## Assignment
Among the records below, find the line that has "#67=IFCINDEXEDPOLYGONALFACE((23,24,26,25));"; from there, give the lines again exactly, and stop after the line that has "#77=IFCINDEXEDPOLYGONALFACE((43,45,46,44));".

________________________________________

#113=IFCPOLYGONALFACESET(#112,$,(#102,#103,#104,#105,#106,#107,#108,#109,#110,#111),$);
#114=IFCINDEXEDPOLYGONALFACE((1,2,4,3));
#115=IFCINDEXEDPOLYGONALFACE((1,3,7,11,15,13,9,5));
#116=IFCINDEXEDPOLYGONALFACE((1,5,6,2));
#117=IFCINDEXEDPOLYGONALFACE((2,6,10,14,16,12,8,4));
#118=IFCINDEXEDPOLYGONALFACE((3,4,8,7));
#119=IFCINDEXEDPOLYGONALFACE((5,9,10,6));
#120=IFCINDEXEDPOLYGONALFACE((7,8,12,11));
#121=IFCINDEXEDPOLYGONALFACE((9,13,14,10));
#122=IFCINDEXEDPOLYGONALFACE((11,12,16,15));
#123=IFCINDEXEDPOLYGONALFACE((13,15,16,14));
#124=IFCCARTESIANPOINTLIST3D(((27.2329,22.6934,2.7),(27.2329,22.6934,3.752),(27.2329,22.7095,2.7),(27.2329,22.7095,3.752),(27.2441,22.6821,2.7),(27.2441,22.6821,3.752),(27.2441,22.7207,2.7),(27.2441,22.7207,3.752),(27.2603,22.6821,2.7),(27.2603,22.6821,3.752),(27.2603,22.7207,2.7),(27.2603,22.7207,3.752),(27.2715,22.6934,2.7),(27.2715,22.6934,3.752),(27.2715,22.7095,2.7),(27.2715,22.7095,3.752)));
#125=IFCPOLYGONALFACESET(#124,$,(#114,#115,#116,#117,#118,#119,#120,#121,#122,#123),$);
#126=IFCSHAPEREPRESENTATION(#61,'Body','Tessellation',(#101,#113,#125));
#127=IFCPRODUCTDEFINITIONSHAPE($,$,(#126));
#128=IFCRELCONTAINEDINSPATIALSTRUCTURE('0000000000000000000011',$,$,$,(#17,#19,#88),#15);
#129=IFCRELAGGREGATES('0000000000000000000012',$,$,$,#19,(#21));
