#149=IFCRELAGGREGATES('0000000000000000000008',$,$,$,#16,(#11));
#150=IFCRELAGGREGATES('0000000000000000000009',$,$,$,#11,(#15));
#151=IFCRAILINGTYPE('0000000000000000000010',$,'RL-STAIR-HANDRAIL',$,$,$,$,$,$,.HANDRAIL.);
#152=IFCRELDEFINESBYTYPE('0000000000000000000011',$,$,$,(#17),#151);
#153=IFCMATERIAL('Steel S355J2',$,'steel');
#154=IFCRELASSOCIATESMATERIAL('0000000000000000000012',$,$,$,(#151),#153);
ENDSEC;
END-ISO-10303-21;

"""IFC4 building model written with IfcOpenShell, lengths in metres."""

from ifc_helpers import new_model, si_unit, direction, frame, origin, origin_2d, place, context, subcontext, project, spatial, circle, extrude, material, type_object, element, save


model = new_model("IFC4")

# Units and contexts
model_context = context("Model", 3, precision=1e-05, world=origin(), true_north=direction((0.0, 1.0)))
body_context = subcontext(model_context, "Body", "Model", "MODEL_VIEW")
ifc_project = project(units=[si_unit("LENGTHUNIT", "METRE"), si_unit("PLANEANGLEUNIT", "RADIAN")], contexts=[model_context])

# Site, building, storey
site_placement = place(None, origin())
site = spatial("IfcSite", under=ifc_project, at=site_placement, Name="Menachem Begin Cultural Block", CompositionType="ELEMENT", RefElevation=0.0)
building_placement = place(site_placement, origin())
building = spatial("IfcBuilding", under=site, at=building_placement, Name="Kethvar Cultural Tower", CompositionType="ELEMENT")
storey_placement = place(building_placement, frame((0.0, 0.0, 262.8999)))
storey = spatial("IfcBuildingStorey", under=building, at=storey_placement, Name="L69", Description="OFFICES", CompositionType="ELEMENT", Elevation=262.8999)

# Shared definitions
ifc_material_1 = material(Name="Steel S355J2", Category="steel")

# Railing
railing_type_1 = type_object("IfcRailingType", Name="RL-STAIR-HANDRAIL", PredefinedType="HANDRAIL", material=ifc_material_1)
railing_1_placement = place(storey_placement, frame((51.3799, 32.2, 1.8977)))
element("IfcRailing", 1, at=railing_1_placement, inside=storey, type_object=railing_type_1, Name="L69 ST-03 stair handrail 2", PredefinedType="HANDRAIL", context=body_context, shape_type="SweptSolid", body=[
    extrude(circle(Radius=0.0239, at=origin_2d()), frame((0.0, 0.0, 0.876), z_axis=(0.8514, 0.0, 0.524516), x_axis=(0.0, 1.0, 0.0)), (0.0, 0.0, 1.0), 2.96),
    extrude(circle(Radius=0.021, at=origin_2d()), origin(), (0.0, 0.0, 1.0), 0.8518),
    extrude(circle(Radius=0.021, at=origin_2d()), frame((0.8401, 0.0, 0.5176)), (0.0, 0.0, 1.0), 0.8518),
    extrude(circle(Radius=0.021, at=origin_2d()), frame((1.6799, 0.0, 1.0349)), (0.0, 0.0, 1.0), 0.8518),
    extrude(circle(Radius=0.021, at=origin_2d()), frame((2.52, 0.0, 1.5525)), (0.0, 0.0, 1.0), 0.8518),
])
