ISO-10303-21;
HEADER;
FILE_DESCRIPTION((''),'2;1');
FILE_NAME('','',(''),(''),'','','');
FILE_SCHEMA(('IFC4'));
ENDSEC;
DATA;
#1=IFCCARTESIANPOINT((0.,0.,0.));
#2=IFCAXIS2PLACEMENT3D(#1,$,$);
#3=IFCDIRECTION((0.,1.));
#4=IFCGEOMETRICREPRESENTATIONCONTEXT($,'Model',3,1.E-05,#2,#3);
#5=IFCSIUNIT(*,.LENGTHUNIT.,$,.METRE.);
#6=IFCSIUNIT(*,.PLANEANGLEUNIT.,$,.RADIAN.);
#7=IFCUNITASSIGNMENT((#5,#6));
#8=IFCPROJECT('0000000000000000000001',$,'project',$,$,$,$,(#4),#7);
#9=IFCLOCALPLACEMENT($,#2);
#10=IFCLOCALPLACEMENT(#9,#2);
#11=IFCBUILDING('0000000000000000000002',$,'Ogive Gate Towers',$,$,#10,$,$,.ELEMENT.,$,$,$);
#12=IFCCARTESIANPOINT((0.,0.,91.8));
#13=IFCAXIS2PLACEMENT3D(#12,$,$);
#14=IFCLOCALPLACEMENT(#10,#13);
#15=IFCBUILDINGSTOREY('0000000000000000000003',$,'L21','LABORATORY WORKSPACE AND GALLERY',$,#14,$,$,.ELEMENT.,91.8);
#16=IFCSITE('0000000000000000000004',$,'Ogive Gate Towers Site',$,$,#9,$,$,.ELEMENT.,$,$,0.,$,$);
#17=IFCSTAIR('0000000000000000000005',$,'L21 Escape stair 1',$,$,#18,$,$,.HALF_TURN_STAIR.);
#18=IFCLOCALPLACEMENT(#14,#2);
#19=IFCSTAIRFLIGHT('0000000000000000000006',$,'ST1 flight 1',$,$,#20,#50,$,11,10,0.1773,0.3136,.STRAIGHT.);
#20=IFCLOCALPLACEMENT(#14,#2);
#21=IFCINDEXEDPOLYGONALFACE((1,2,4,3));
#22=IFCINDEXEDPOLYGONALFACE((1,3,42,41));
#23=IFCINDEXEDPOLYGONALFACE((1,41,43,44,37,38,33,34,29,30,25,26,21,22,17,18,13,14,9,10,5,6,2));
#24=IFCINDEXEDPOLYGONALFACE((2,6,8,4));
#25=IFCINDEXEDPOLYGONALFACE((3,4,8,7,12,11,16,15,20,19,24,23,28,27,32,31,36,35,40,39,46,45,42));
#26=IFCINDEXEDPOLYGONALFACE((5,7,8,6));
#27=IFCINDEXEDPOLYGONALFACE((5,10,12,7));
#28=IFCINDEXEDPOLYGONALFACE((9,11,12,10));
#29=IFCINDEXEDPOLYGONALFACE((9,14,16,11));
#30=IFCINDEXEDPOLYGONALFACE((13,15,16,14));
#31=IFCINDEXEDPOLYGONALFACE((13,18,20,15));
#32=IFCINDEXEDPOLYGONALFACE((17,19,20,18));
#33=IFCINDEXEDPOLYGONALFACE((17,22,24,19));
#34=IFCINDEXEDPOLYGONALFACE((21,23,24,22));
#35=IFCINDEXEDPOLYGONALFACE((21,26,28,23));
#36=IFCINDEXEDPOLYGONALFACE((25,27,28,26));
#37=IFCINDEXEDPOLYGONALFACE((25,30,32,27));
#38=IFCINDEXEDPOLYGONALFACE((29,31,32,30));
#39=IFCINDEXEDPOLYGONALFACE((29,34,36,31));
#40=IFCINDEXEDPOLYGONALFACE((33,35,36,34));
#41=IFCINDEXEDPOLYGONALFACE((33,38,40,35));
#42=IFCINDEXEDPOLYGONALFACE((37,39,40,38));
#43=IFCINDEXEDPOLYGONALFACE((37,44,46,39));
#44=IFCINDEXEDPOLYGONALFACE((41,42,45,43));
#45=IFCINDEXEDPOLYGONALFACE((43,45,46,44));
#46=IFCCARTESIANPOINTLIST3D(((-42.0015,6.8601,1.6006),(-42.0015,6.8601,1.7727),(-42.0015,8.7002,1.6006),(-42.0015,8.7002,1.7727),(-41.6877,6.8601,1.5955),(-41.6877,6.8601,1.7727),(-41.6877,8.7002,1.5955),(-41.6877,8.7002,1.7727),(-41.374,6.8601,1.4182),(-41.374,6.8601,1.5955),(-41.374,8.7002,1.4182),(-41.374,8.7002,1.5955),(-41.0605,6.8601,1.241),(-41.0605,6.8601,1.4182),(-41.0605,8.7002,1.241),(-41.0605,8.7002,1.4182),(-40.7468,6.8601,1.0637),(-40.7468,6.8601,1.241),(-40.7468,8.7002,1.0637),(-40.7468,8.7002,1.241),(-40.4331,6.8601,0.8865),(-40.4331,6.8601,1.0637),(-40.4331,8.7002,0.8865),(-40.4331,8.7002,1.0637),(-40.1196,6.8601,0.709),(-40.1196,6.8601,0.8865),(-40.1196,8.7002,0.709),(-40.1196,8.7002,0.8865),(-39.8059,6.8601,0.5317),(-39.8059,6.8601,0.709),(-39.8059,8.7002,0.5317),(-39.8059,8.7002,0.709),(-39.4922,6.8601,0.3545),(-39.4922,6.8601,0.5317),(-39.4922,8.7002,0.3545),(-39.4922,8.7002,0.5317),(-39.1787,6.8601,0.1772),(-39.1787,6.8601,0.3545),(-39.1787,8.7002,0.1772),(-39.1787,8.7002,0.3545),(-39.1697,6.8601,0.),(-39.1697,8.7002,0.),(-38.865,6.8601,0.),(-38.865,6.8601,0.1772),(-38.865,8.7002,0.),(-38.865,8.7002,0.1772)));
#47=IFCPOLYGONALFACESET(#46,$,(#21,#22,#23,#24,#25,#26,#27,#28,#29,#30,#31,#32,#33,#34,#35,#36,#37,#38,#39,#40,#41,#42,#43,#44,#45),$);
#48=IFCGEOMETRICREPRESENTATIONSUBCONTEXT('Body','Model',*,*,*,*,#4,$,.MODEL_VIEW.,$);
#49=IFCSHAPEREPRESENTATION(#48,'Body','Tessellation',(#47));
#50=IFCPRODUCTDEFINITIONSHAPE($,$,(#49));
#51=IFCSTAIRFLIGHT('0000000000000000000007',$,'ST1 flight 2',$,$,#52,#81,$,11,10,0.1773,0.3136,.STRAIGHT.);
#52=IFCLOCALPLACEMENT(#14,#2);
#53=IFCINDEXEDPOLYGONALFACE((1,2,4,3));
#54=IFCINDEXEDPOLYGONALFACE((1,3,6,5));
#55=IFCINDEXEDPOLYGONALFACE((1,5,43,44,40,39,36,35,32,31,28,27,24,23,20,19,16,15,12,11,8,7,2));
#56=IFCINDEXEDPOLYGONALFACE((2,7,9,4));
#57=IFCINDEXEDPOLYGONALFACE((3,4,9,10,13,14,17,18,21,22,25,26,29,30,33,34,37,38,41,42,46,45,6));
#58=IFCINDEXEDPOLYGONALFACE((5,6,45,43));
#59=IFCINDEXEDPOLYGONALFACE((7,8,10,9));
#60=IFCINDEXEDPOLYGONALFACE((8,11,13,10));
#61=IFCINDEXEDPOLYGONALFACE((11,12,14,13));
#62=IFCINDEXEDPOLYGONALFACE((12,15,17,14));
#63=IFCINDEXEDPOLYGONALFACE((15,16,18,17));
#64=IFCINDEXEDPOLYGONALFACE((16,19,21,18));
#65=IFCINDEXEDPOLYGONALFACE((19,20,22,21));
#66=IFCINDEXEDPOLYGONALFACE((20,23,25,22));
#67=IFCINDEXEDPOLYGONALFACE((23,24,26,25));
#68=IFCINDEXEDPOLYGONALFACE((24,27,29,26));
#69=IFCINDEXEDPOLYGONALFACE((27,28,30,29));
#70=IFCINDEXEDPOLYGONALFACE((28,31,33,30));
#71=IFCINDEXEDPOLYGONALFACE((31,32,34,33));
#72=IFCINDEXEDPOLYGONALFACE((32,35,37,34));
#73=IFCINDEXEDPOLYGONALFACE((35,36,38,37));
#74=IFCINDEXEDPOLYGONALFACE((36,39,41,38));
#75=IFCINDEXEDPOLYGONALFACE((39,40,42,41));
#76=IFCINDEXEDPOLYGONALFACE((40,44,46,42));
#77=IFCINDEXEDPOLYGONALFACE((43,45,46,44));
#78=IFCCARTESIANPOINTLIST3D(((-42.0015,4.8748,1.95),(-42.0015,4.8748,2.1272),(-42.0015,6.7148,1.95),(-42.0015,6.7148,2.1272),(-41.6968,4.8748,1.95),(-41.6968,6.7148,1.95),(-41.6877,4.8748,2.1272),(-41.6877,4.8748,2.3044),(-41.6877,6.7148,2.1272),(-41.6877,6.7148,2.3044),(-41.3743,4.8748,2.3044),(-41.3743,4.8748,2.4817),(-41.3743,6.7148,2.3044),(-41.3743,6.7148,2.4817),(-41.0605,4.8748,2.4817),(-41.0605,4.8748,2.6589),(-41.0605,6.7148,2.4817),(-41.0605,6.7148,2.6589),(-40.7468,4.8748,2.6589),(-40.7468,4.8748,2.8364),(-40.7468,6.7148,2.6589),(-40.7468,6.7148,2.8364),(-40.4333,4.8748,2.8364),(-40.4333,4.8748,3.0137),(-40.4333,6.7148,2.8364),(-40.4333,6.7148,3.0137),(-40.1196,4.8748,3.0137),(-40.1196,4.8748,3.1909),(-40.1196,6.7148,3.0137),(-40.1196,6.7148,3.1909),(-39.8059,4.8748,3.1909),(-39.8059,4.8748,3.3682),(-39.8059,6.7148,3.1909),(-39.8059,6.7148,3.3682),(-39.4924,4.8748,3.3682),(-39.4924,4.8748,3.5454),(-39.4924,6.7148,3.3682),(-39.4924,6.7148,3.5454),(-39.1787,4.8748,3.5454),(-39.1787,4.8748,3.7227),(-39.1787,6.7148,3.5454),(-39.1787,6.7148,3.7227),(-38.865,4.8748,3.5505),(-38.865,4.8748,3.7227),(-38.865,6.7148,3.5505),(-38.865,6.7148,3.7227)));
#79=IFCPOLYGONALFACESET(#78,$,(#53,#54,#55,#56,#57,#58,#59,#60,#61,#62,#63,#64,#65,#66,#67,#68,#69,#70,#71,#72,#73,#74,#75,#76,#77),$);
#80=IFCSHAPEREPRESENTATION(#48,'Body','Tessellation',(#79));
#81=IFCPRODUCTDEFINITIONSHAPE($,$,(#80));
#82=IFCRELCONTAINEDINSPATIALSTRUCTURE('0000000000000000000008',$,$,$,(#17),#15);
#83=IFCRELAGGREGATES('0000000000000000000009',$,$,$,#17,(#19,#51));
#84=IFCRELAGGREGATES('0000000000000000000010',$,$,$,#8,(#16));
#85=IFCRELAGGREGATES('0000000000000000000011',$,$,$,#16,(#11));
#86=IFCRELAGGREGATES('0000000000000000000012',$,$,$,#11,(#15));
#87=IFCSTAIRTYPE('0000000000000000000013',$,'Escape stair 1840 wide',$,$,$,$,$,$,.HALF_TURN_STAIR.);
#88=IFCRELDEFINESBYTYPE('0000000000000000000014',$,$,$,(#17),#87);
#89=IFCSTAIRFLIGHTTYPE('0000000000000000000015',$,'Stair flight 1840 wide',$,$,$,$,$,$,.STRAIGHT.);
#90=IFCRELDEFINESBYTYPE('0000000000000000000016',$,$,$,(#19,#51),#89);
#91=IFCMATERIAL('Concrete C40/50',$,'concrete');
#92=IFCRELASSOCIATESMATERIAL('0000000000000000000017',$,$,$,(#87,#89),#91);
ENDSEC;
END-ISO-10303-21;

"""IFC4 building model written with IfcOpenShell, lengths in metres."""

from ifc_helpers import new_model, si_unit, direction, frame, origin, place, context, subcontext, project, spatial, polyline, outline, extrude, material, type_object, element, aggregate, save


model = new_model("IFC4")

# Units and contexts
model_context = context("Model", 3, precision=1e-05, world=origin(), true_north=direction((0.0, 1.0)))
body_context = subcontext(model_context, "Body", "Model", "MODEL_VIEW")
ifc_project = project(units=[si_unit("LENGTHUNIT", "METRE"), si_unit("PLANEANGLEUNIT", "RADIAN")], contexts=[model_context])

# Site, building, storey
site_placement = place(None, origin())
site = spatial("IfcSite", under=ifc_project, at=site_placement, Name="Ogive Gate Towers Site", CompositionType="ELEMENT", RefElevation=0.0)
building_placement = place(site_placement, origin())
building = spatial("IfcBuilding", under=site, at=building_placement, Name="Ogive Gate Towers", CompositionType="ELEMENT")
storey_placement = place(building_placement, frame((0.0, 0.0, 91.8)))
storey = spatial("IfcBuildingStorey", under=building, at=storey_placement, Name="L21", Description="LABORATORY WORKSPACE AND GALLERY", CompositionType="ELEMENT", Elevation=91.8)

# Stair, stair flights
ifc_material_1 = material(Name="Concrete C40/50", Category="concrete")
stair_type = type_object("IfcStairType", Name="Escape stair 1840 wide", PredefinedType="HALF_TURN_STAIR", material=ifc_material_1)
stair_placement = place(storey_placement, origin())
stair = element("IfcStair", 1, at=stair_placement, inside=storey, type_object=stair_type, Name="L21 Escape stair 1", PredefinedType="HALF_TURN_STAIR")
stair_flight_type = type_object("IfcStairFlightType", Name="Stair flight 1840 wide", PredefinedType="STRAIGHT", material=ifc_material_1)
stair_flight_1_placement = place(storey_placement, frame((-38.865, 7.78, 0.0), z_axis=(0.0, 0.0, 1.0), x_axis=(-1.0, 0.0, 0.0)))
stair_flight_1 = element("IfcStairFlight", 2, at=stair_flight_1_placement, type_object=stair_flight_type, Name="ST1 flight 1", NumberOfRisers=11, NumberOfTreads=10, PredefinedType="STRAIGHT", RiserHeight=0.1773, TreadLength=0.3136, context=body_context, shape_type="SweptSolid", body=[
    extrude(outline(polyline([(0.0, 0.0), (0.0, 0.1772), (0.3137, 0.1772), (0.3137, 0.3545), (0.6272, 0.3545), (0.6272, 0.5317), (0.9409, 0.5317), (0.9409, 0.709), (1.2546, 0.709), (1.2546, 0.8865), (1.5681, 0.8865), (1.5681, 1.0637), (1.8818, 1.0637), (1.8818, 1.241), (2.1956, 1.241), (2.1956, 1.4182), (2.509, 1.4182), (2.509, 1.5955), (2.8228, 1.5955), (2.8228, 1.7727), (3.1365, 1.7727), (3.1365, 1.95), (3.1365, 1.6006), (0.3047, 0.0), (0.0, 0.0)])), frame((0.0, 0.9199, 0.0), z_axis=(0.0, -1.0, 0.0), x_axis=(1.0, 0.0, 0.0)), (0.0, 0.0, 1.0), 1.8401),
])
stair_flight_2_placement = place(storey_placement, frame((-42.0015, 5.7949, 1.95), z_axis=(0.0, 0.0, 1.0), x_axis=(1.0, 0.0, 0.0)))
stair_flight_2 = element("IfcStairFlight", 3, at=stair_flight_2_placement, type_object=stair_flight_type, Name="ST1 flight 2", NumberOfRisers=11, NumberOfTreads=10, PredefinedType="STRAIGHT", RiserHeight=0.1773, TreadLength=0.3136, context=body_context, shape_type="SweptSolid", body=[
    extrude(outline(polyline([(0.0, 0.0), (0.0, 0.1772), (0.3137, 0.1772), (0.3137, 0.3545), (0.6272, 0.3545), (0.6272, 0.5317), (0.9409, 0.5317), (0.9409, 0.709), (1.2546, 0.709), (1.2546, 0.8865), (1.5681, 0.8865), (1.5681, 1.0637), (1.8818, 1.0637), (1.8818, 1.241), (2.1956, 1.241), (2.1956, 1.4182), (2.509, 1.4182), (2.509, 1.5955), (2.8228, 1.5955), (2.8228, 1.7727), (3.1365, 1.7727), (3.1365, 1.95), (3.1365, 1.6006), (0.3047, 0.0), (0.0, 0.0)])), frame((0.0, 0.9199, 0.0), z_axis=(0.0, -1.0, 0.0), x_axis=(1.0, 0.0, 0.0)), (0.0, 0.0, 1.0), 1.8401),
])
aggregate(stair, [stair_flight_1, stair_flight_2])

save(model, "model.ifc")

________________________________________

## Output for this exercise
#67=IFCINDEXEDPOLYGONALFACE((23,24,26,25));
#68=IFCINDEXEDPOLYGONALFACE((24,27,29,26));
#69=IFCINDEXEDPOLYGONALFACE((27,28,30,29));
#70=IFCINDEXEDPOLYGONALFACE((28,31,33,30));
#71=IFCINDEXEDPOLYGONALFACE((31,32,34,33));
#72=IFCINDEXEDPOLYGONALFACE((32,35,37,34));
#73=IFCINDEXEDPOLYGONALFACE((35,36,38,37));
#74=IFCINDEXEDPOLYGONALFACE((36,39,41,38));
#75=IFCINDEXEDPOLYGONALFACE((39,40,42,41));
#76=IFCINDEXEDPOLYGONALFACE((40,44,46,42));
#77=IFCINDEXEDPOLYGONALFACE((43,45,46,44));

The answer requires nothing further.